_Directions for this task_
In the records below, find the line that contains "# Units and contexts" and the line that contains "site_placement = place(None, origin())", then retype exactly those two lines and every line between them.

Saved data entries:
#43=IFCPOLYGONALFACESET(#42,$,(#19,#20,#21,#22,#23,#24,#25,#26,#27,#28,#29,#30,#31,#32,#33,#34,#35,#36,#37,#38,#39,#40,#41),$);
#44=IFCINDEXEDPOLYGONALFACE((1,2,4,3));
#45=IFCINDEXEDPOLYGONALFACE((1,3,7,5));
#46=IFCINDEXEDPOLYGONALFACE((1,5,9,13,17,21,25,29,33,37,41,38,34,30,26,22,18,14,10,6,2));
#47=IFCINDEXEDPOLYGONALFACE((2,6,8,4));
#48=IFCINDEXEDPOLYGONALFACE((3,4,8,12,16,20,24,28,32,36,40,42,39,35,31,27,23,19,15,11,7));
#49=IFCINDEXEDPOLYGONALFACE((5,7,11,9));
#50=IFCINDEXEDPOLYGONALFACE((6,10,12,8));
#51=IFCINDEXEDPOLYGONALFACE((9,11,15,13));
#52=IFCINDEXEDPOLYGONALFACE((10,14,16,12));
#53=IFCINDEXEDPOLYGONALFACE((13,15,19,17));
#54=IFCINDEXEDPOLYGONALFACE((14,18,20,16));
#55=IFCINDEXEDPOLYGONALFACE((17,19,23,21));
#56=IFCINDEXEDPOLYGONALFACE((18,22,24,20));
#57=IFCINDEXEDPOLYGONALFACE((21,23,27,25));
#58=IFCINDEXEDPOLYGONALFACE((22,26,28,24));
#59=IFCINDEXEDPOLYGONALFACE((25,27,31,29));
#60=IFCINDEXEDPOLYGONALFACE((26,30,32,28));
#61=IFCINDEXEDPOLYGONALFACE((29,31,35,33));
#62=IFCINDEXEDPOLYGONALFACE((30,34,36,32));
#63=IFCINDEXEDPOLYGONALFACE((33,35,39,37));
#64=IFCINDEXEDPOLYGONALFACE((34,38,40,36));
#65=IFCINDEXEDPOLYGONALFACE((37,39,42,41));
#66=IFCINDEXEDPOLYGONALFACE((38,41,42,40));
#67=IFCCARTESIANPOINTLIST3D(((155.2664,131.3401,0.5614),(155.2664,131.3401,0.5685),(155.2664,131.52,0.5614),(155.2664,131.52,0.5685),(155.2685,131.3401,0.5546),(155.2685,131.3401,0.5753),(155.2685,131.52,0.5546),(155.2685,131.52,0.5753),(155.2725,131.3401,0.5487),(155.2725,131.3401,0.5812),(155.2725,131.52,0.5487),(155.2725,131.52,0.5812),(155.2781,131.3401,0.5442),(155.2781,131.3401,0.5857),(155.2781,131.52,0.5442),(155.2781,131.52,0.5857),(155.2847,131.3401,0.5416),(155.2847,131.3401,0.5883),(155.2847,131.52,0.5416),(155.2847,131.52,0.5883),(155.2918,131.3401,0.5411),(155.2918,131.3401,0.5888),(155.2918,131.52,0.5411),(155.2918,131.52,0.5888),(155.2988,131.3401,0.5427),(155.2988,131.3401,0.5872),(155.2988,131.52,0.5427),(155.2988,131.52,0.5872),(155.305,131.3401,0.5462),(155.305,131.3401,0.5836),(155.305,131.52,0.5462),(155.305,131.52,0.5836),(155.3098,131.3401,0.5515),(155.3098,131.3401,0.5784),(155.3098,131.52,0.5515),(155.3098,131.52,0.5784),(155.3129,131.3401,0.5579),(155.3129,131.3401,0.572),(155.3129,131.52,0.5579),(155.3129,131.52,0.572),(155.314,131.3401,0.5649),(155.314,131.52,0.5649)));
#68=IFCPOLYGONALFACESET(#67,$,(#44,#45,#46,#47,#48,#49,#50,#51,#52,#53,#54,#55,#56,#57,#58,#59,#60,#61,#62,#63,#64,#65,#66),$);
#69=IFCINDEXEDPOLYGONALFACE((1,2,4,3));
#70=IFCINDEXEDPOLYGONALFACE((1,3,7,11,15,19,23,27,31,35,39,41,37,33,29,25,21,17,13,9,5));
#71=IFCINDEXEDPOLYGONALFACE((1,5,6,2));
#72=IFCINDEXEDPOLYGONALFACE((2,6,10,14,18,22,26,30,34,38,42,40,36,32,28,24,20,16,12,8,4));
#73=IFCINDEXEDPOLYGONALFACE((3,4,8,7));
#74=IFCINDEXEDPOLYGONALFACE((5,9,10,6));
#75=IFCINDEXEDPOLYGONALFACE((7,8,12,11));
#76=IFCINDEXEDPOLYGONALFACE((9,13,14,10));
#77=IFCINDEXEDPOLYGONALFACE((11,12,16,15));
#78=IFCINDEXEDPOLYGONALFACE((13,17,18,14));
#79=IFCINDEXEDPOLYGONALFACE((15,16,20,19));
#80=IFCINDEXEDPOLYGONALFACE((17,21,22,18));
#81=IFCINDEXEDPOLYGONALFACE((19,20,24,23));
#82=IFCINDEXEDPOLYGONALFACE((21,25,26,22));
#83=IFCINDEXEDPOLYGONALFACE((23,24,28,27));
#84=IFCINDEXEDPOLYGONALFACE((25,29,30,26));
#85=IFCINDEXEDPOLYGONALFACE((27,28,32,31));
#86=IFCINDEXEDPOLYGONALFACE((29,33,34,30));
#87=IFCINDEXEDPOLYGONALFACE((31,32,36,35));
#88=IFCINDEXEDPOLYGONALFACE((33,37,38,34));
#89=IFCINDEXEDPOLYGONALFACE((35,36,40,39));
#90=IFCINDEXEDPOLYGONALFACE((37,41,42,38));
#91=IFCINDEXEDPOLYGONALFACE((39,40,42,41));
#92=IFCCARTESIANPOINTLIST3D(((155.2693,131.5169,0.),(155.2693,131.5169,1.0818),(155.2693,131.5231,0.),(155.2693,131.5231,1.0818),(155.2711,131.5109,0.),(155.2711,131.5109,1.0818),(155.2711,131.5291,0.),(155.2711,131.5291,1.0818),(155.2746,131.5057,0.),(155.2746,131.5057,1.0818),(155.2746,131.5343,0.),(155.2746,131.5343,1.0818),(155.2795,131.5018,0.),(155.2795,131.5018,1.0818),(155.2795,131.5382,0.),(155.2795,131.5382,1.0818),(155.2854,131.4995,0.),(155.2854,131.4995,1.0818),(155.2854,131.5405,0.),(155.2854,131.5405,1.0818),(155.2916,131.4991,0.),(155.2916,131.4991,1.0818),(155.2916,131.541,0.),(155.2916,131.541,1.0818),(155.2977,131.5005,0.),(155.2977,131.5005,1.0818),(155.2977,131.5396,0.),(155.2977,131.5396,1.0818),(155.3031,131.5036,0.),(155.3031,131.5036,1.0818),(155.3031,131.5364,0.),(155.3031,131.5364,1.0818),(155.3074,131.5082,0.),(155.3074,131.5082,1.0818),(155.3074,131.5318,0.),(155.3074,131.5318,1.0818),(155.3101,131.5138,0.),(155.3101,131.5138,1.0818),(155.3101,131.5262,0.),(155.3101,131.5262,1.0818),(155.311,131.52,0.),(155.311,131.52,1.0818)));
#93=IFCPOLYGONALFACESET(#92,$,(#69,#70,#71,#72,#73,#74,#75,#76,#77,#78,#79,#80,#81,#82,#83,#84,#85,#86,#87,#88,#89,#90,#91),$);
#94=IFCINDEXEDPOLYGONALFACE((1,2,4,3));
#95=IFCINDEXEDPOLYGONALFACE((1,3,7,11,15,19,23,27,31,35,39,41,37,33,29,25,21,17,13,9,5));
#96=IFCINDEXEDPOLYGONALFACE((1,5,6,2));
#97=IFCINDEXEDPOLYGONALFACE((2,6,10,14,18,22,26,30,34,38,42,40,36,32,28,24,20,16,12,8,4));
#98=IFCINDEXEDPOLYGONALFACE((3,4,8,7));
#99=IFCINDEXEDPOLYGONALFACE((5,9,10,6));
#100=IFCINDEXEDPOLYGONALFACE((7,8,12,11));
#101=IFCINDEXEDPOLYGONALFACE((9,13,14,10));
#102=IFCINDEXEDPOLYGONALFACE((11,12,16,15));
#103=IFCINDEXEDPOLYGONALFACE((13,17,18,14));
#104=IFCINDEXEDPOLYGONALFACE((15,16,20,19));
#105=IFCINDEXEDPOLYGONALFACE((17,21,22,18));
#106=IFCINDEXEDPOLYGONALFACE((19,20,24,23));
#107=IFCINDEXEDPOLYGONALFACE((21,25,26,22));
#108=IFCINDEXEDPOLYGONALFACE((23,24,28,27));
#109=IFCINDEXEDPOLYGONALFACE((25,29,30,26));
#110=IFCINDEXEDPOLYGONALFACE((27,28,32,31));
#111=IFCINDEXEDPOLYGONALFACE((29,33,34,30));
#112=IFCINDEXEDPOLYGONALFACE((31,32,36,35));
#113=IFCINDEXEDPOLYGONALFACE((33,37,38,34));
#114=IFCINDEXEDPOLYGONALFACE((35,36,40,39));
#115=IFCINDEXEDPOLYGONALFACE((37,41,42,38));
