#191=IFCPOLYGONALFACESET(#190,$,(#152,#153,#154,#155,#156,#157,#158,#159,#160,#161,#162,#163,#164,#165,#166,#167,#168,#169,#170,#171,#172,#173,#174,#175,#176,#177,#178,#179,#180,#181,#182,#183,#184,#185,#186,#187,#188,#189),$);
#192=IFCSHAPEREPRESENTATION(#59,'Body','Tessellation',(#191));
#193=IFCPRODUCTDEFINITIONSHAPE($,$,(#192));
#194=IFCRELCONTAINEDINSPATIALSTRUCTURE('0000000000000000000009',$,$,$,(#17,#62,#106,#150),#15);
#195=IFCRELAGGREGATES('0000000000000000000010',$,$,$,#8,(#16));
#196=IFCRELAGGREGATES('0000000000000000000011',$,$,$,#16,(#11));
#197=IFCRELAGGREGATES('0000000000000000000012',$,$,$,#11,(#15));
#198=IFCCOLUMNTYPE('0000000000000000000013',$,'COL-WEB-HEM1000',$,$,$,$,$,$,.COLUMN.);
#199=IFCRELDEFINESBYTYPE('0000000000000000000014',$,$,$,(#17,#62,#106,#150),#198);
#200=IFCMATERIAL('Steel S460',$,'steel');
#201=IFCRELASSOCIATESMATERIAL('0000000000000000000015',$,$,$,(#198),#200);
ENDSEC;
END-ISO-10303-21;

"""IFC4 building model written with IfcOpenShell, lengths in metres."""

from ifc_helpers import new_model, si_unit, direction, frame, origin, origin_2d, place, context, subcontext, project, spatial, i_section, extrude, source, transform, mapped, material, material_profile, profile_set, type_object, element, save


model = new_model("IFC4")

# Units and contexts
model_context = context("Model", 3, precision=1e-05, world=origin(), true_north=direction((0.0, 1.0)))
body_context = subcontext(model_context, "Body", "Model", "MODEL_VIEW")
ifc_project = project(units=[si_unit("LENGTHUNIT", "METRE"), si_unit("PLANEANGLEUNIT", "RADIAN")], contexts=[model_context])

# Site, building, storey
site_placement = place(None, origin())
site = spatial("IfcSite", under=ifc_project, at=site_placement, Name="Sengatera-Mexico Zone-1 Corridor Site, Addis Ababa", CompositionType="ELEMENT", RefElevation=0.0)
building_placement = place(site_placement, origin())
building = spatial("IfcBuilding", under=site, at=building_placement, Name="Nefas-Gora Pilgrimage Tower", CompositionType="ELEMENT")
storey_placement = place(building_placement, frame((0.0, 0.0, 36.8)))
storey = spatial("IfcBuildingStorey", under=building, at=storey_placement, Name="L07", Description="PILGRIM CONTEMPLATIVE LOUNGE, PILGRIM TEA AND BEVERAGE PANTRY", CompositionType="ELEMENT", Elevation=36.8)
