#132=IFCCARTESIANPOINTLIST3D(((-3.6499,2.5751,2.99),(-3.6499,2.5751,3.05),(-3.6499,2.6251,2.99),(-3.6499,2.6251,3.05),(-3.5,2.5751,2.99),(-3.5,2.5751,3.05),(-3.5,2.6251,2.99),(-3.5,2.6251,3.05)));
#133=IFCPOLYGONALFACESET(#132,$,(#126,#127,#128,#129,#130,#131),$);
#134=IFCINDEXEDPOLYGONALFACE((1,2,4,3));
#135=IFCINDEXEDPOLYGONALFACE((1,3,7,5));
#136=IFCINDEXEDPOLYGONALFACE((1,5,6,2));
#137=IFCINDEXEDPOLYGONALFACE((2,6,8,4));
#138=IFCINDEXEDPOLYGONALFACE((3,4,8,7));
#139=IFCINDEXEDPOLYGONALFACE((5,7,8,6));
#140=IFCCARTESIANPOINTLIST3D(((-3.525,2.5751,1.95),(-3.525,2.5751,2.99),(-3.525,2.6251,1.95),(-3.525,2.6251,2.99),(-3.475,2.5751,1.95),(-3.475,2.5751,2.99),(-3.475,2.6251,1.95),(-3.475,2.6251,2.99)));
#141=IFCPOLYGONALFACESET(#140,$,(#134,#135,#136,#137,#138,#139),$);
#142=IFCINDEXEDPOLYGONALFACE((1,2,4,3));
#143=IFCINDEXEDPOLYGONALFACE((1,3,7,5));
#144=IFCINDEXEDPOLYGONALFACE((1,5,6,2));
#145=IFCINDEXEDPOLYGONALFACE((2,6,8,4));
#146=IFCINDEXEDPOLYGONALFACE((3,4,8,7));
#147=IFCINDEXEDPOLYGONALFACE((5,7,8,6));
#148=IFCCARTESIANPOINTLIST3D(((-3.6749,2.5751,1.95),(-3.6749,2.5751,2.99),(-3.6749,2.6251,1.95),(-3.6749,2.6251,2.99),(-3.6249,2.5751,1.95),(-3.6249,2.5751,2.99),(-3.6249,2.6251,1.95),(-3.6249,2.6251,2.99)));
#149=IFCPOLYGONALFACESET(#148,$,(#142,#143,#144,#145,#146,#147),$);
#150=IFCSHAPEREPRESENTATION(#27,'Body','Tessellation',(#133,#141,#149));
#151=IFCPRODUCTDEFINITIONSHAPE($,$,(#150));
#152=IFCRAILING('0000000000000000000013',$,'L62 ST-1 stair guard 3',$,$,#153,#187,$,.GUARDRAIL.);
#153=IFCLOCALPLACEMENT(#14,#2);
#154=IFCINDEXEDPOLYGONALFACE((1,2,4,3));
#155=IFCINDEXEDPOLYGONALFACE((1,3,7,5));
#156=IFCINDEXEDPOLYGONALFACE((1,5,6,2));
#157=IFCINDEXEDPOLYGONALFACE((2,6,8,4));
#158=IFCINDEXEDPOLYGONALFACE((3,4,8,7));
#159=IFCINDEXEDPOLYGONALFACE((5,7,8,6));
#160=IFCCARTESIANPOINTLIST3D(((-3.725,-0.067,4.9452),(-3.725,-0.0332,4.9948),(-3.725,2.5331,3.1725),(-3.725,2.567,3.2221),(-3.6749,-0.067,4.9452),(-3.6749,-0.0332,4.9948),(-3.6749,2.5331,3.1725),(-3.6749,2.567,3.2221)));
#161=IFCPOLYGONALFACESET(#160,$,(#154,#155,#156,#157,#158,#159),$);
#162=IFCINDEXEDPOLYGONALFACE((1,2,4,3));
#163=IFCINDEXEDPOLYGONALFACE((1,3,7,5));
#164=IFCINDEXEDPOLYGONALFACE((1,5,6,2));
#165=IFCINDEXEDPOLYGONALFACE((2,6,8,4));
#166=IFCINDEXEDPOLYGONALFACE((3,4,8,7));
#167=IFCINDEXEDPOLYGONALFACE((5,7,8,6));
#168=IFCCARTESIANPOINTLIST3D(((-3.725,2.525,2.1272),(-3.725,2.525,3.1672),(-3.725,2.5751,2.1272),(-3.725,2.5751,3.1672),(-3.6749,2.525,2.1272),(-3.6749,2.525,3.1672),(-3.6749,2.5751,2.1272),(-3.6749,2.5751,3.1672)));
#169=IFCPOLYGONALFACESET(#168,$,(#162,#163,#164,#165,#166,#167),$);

_Solved exercise_
# Units and contexts
model_context = context("Model", 3, precision=1e-05, world=origin(), true_north=direction((0.0, 1.0)))
body_context = subcontext(model_context, "Body", "Model", "MODEL_VIEW")
ifc_project = project(units=[si_unit("LENGTHUNIT", "METRE"), si_unit("PLANEANGLEUNIT", "RADIAN")], contexts=[model_context])

# Site, building, storey
site_placement = place(None, origin())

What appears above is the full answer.